**DATA RECORDS:**
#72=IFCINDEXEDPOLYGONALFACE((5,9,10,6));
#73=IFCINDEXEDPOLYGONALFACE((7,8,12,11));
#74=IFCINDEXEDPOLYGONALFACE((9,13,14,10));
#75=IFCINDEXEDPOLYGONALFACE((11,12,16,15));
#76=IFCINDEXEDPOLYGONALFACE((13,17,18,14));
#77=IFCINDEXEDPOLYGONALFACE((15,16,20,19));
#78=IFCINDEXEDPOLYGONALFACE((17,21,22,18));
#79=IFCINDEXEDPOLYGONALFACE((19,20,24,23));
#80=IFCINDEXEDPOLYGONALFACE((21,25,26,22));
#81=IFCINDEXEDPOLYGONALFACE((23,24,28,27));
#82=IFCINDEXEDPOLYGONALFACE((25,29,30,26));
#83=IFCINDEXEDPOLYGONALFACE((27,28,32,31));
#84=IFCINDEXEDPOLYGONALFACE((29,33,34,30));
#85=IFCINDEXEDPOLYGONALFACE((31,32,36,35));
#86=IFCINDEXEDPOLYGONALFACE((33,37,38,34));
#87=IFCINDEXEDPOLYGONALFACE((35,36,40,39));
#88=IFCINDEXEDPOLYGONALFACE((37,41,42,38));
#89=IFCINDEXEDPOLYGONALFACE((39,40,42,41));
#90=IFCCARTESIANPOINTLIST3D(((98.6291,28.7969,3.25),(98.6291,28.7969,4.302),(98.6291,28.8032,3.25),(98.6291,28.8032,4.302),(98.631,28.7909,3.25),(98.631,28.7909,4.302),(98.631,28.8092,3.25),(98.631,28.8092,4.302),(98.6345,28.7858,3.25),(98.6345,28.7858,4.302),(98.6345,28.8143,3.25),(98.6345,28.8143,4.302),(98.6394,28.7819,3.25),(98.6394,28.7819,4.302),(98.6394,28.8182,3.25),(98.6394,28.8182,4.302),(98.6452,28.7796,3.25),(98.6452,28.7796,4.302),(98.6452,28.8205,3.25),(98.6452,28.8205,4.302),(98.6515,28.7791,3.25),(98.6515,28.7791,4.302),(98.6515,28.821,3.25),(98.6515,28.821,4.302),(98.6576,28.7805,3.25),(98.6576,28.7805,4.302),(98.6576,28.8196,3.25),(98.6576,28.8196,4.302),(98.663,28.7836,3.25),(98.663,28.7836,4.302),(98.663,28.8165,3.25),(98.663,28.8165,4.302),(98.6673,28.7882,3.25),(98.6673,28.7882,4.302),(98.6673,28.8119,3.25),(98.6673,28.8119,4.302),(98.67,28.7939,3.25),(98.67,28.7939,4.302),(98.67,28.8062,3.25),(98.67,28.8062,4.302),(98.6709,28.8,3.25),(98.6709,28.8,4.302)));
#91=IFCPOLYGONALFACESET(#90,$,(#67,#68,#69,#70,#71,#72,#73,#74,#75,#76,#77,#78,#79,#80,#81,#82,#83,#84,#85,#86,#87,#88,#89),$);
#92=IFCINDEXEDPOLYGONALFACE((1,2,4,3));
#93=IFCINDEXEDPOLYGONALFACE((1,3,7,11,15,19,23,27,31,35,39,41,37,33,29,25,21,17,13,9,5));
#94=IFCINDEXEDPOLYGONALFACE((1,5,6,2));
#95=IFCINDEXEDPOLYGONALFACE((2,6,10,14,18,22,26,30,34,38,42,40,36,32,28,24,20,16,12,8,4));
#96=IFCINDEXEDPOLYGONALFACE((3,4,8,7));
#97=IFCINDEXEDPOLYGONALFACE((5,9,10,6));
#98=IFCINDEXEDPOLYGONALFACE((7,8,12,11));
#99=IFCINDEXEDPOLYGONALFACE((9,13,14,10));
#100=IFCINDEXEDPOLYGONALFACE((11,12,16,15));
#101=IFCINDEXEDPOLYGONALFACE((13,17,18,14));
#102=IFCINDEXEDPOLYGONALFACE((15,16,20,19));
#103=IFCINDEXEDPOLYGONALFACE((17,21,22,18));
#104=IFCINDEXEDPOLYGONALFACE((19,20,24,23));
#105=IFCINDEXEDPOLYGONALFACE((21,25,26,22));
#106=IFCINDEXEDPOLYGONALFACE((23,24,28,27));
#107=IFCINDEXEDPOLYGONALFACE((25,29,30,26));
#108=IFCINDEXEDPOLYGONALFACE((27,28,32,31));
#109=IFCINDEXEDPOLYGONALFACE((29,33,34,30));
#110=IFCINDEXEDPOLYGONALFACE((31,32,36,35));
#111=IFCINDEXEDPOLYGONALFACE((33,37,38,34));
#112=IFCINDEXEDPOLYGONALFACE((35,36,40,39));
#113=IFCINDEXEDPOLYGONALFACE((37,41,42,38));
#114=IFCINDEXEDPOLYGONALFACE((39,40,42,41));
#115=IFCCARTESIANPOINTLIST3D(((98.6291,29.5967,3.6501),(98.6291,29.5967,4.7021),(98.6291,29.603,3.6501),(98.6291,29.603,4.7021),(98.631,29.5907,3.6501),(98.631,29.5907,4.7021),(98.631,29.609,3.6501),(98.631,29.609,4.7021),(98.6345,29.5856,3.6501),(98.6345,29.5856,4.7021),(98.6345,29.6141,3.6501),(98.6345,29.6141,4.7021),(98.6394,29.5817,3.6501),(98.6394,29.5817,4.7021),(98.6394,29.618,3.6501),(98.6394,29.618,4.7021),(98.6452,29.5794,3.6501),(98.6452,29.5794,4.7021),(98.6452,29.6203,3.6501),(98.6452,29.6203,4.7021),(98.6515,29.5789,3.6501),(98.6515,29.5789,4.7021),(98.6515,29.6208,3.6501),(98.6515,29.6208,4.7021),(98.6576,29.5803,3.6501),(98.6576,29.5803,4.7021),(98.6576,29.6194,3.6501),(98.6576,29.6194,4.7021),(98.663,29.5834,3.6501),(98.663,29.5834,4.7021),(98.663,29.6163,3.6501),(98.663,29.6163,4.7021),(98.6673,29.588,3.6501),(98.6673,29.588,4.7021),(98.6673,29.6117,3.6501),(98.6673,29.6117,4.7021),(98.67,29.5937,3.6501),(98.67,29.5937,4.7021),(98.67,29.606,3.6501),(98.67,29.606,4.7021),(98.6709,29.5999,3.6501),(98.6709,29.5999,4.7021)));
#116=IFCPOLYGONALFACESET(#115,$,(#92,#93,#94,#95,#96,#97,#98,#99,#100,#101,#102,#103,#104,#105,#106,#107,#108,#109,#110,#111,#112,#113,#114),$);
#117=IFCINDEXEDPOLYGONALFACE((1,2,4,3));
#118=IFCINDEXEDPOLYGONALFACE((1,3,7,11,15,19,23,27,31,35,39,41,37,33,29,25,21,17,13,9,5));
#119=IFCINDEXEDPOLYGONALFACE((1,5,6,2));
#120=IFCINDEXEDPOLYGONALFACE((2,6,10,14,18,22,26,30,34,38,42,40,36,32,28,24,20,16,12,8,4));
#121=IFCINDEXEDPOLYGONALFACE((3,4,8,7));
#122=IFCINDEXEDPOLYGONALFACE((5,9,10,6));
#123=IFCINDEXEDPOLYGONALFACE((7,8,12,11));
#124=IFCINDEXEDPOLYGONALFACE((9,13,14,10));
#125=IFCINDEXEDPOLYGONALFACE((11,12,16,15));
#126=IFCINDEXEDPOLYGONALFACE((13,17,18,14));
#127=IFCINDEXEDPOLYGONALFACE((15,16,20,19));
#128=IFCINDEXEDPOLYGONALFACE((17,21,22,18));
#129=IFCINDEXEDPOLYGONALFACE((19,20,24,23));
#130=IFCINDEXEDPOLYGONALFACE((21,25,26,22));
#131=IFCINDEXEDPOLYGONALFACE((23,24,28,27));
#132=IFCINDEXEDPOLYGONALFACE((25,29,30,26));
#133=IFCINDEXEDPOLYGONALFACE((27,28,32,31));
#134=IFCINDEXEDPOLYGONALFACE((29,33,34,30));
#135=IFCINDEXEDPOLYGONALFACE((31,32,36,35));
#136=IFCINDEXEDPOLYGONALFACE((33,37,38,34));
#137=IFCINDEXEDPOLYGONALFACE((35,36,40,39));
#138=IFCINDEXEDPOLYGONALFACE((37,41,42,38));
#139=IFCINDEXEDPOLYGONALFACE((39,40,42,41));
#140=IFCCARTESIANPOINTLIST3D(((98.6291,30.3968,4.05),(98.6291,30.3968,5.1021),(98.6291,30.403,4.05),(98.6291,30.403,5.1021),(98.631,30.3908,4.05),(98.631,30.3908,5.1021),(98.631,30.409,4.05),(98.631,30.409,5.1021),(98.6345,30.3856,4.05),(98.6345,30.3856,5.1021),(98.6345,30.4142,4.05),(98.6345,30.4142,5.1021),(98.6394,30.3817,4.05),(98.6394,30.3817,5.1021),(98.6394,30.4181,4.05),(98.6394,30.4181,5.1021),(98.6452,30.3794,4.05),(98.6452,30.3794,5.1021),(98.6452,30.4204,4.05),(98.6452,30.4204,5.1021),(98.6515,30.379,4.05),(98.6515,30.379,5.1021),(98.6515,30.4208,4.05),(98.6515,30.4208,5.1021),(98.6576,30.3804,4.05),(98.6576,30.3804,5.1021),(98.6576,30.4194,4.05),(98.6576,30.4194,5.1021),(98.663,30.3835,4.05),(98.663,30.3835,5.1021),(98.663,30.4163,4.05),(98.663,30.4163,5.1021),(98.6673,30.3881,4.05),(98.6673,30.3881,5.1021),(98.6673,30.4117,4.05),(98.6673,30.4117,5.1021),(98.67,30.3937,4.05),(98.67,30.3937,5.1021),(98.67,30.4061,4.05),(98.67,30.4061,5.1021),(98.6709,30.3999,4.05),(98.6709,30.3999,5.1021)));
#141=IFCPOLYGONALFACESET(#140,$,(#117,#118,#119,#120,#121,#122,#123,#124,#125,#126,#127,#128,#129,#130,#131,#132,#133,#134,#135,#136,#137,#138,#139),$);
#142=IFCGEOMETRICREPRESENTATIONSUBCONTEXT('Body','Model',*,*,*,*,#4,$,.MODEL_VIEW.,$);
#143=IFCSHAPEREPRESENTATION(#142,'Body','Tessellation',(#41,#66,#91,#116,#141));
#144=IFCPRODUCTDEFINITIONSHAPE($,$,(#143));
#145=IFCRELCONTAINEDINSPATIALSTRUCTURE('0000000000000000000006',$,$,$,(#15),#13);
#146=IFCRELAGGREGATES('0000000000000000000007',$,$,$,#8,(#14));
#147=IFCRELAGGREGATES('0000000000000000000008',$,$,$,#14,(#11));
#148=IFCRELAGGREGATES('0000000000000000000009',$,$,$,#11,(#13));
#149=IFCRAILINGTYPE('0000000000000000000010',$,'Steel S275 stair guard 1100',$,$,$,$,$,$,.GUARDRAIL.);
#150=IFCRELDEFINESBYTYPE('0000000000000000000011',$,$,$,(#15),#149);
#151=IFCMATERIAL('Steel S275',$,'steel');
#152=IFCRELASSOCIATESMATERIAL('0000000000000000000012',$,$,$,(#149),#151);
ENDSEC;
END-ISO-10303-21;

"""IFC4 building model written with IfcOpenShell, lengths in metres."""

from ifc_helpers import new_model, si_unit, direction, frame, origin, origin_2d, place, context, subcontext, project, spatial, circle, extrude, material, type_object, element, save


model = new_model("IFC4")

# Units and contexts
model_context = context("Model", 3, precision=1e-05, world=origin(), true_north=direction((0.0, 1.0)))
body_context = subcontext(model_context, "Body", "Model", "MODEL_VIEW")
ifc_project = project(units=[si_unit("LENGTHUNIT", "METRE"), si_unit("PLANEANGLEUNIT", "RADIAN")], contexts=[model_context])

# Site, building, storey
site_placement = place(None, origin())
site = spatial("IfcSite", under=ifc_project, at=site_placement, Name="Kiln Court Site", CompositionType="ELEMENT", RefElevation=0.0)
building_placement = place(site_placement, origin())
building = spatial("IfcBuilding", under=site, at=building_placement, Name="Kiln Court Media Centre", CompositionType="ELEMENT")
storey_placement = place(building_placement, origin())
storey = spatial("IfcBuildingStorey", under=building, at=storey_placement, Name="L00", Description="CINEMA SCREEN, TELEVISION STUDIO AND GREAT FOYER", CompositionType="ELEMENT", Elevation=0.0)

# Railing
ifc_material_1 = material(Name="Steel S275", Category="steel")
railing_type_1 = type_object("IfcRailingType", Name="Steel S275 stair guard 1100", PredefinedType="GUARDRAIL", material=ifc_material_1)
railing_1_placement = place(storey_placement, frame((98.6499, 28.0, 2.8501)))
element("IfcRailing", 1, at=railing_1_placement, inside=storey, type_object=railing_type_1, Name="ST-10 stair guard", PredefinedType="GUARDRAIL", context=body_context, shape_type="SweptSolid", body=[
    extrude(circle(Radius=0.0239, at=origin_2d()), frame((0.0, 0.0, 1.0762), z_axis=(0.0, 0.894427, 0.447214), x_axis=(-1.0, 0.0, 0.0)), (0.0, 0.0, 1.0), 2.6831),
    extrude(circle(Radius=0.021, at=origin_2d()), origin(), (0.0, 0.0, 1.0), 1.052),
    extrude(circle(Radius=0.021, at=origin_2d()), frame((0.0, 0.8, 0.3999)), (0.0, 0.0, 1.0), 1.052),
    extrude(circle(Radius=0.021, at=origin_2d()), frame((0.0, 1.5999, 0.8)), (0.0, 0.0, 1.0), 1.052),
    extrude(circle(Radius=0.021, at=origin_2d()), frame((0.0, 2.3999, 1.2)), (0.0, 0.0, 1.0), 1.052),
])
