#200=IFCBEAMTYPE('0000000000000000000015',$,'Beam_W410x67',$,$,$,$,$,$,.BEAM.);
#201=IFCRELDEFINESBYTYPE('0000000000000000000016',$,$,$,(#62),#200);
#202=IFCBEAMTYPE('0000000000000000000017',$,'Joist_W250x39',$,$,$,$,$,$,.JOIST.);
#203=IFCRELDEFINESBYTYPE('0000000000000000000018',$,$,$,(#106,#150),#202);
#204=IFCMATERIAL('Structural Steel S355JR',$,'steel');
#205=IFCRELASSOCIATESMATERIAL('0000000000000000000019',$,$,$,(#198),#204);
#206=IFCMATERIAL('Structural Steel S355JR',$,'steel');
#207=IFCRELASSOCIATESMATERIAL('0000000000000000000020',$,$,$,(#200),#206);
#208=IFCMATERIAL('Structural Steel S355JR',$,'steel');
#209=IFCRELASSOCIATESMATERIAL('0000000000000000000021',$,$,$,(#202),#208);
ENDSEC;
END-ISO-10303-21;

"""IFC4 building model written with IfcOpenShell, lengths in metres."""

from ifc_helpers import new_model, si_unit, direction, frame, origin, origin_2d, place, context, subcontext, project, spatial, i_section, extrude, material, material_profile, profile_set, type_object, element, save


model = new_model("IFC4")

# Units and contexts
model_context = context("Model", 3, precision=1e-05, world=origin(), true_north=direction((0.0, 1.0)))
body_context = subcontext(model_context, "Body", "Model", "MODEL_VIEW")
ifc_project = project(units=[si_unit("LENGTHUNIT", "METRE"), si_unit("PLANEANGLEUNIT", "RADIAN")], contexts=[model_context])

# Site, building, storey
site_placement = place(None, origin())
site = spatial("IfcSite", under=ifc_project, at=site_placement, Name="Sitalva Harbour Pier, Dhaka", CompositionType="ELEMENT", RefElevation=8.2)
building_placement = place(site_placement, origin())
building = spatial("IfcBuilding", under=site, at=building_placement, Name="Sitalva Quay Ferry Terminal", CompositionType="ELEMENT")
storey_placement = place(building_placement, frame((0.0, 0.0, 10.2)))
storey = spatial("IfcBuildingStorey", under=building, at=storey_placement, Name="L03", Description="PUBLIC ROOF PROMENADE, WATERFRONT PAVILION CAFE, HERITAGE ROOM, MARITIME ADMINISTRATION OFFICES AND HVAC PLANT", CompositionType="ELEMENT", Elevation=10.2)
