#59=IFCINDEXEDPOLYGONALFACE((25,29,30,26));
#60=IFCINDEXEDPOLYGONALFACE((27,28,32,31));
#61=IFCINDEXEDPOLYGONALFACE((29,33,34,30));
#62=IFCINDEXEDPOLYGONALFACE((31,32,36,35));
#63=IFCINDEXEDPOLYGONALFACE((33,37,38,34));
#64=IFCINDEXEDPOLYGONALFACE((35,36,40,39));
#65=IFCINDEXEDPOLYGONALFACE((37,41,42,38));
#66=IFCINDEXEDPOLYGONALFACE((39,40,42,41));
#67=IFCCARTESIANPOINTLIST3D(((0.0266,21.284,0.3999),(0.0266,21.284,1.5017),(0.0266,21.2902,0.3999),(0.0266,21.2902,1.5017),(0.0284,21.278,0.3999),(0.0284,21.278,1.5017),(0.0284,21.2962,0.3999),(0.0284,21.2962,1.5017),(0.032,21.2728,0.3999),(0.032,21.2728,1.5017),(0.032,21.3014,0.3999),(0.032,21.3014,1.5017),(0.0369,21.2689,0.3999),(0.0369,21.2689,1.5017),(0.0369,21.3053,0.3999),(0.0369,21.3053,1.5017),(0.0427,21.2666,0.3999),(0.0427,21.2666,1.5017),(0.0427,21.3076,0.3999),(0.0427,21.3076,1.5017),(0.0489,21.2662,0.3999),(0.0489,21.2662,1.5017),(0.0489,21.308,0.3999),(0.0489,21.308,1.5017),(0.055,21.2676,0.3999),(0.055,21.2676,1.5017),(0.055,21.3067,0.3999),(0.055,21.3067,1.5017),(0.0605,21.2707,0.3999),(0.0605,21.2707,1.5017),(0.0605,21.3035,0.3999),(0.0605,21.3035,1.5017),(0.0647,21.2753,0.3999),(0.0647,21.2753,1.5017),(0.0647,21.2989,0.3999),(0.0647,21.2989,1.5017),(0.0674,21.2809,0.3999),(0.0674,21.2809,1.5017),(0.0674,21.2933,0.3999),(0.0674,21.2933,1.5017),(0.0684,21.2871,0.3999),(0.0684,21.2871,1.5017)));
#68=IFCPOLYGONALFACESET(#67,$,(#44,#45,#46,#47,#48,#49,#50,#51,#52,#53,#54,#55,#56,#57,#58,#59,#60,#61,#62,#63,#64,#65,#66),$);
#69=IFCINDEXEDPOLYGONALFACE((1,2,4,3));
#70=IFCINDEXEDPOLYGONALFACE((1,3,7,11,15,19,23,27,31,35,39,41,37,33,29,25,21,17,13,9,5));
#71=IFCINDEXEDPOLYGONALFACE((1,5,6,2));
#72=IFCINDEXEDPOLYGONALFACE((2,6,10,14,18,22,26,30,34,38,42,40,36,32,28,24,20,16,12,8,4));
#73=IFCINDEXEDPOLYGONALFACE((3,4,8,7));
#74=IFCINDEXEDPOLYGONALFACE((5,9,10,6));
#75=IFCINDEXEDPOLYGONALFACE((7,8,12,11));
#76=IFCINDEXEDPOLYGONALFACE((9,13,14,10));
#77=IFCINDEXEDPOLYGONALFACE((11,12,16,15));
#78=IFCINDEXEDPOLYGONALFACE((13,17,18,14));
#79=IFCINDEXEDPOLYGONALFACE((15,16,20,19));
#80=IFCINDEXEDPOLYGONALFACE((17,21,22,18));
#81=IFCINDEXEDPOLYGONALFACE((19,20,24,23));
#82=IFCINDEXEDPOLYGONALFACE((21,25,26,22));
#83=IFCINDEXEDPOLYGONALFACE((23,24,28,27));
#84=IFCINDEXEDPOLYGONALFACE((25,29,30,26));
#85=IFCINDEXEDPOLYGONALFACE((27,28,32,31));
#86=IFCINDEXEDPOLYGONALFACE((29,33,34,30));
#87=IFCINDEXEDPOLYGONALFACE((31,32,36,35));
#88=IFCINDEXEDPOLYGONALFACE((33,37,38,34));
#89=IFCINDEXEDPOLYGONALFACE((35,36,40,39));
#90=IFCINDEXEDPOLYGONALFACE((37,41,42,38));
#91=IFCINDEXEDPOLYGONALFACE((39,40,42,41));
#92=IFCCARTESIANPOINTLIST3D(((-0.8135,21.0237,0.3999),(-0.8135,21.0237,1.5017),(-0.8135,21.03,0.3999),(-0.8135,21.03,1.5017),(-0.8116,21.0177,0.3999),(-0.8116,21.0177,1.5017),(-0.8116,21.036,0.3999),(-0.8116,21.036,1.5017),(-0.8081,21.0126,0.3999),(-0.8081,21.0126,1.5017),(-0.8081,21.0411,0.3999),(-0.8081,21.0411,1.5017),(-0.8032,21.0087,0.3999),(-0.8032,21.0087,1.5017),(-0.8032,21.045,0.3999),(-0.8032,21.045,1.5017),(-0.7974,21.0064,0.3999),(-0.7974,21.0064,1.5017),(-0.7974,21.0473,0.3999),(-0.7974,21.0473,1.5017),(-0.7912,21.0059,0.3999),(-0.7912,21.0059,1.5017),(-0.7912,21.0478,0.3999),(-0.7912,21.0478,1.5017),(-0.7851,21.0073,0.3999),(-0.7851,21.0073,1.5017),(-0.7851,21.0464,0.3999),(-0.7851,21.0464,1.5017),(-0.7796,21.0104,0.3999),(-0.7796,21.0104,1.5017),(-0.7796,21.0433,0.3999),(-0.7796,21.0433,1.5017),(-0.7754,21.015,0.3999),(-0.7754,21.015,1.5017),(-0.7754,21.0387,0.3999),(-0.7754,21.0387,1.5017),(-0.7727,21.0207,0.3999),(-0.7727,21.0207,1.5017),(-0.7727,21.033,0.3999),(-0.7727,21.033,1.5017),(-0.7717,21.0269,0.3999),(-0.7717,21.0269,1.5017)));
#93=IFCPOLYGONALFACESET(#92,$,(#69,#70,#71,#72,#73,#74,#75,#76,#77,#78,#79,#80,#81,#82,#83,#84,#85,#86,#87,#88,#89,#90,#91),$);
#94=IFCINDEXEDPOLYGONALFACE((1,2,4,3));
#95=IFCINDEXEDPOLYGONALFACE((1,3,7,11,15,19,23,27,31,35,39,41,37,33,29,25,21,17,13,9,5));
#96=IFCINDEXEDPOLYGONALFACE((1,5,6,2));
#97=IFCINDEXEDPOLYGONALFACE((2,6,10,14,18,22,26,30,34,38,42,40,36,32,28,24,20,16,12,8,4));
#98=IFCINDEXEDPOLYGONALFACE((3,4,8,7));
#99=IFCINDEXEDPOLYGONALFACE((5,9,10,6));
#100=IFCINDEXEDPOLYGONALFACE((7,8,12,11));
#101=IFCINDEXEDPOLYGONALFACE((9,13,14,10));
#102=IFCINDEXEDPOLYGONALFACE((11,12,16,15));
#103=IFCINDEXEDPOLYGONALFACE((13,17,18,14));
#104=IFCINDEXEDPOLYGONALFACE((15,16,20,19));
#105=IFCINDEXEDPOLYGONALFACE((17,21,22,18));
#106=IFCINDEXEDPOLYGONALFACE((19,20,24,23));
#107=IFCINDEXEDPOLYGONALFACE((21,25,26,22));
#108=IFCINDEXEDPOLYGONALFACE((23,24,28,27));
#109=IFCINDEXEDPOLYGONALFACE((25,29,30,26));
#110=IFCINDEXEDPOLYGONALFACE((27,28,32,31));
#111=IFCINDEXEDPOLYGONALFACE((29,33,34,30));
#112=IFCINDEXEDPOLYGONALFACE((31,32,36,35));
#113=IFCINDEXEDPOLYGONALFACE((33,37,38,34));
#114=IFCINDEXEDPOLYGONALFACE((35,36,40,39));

**BRIEF:** Output the lines from the one holding "#105=IFCINDEXEDPOLYGONALFACE((17,21,22,18));" to the last line of the material, inclusive, exactly as they appear. Add no others.

**SOLVED EXERCISE:**
#105=IFCINDEXEDPOLYGONALFACE((17,21,22,18));
#106=IFCINDEXEDPOLYGONALFACE((19,20,24,23));
#107=IFCINDEXEDPOLYGONALFACE((21,25,26,22));
#108=IFCINDEXEDPOLYGONALFACE((23,24,28,27));
#109=IFCINDEXEDPOLYGONALFACE((25,29,30,26));
#110=IFCINDEXEDPOLYGONALFACE((27,28,32,31));
#111=IFCINDEXEDPOLYGONALFACE((29,33,34,30));
#112=IFCINDEXEDPOLYGONALFACE((31,32,36,35));
#113=IFCINDEXEDPOLYGONALFACE((33,37,38,34));
#114=IFCINDEXEDPOLYGONALFACE((35,36,40,39));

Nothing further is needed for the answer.